[Stored items]
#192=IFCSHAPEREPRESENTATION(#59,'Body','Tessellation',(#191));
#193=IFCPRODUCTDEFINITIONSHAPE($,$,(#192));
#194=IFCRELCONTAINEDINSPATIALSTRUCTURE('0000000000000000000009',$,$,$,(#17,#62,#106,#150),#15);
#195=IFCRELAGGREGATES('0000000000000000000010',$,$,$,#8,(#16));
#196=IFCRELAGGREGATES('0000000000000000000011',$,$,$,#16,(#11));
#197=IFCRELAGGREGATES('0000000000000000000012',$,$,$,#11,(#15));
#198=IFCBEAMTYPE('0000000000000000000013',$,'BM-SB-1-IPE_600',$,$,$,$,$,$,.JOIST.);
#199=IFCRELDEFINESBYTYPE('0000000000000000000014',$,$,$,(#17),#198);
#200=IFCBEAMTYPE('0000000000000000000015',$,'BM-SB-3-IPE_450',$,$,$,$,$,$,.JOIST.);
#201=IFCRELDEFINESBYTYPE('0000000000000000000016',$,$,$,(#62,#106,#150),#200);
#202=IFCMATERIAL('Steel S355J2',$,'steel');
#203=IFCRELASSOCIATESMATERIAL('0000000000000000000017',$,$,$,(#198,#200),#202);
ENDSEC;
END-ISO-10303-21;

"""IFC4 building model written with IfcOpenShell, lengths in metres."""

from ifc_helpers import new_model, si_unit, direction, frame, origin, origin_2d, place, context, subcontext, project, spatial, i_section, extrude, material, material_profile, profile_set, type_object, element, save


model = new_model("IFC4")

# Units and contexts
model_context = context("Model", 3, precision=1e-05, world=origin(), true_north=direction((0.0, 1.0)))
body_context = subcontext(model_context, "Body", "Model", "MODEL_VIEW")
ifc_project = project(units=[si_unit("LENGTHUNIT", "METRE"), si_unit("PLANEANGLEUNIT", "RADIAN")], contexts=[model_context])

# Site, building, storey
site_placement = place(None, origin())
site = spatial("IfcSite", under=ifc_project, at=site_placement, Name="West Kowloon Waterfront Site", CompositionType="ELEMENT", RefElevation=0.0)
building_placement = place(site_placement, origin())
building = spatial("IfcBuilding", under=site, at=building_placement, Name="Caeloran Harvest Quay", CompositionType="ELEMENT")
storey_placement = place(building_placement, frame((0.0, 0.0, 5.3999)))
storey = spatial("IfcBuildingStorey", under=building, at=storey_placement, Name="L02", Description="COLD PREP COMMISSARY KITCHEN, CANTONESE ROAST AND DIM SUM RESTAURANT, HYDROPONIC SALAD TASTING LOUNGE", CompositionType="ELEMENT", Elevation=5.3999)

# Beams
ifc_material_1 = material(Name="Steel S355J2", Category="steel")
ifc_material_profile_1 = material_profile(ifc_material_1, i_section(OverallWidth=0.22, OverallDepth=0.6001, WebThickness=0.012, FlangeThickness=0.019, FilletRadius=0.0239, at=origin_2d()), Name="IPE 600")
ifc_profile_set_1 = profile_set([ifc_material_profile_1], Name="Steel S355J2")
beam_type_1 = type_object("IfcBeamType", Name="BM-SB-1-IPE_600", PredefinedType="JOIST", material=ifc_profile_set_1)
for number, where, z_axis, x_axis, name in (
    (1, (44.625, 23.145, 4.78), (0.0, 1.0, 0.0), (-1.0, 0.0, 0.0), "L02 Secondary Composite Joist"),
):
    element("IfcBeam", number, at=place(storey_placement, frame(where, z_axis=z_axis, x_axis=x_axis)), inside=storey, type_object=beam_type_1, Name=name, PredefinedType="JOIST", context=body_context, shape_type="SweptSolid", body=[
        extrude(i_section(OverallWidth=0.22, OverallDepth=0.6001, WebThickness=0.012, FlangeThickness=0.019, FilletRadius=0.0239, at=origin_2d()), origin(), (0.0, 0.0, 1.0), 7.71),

**Exercise requirements**
Only one stretch of the entries above is wanted: the lines from the one containing "#195=IFCRELAGGREGATES('0000000000000000000010',$,$,$,#8,(#16));" through the one containing "building model written". Please reproduce it exactly.

**Solution for this problem**
#195=IFCRELAGGREGATES('0000000000000000000010',$,$,$,#8,(#16));
#196=IFCRELAGGREGATES('0000000000000000000011',$,$,$,#16,(#11));
#197=IFCRELAGGREGATES('0000000000000000000012',$,$,$,#11,(#15));
#198=IFCBEAMTYPE('0000000000000000000013',$,'BM-SB-1-IPE_600',$,$,$,$,$,$,.JOIST.);
#199=IFCRELDEFINESBYTYPE('0000000000000000000014',$,$,$,(#17),#198);
#200=IFCBEAMTYPE('0000000000000000000015',$,'BM-SB-3-IPE_450',$,$,$,$,$,$,.JOIST.);
#201=IFCRELDEFINESBYTYPE('0000000000000000000016',$,$,$,(#62,#106,#150),#200);
#202=IFCMATERIAL('Steel S355J2',$,'steel');
#203=IFCRELASSOCIATESMATERIAL('0000000000000000000017',$,$,$,(#198,#200),#202);
ENDSEC;
END-ISO-10303-21;

"""IFC4 building model written with IfcOpenShell, lengths in metres."""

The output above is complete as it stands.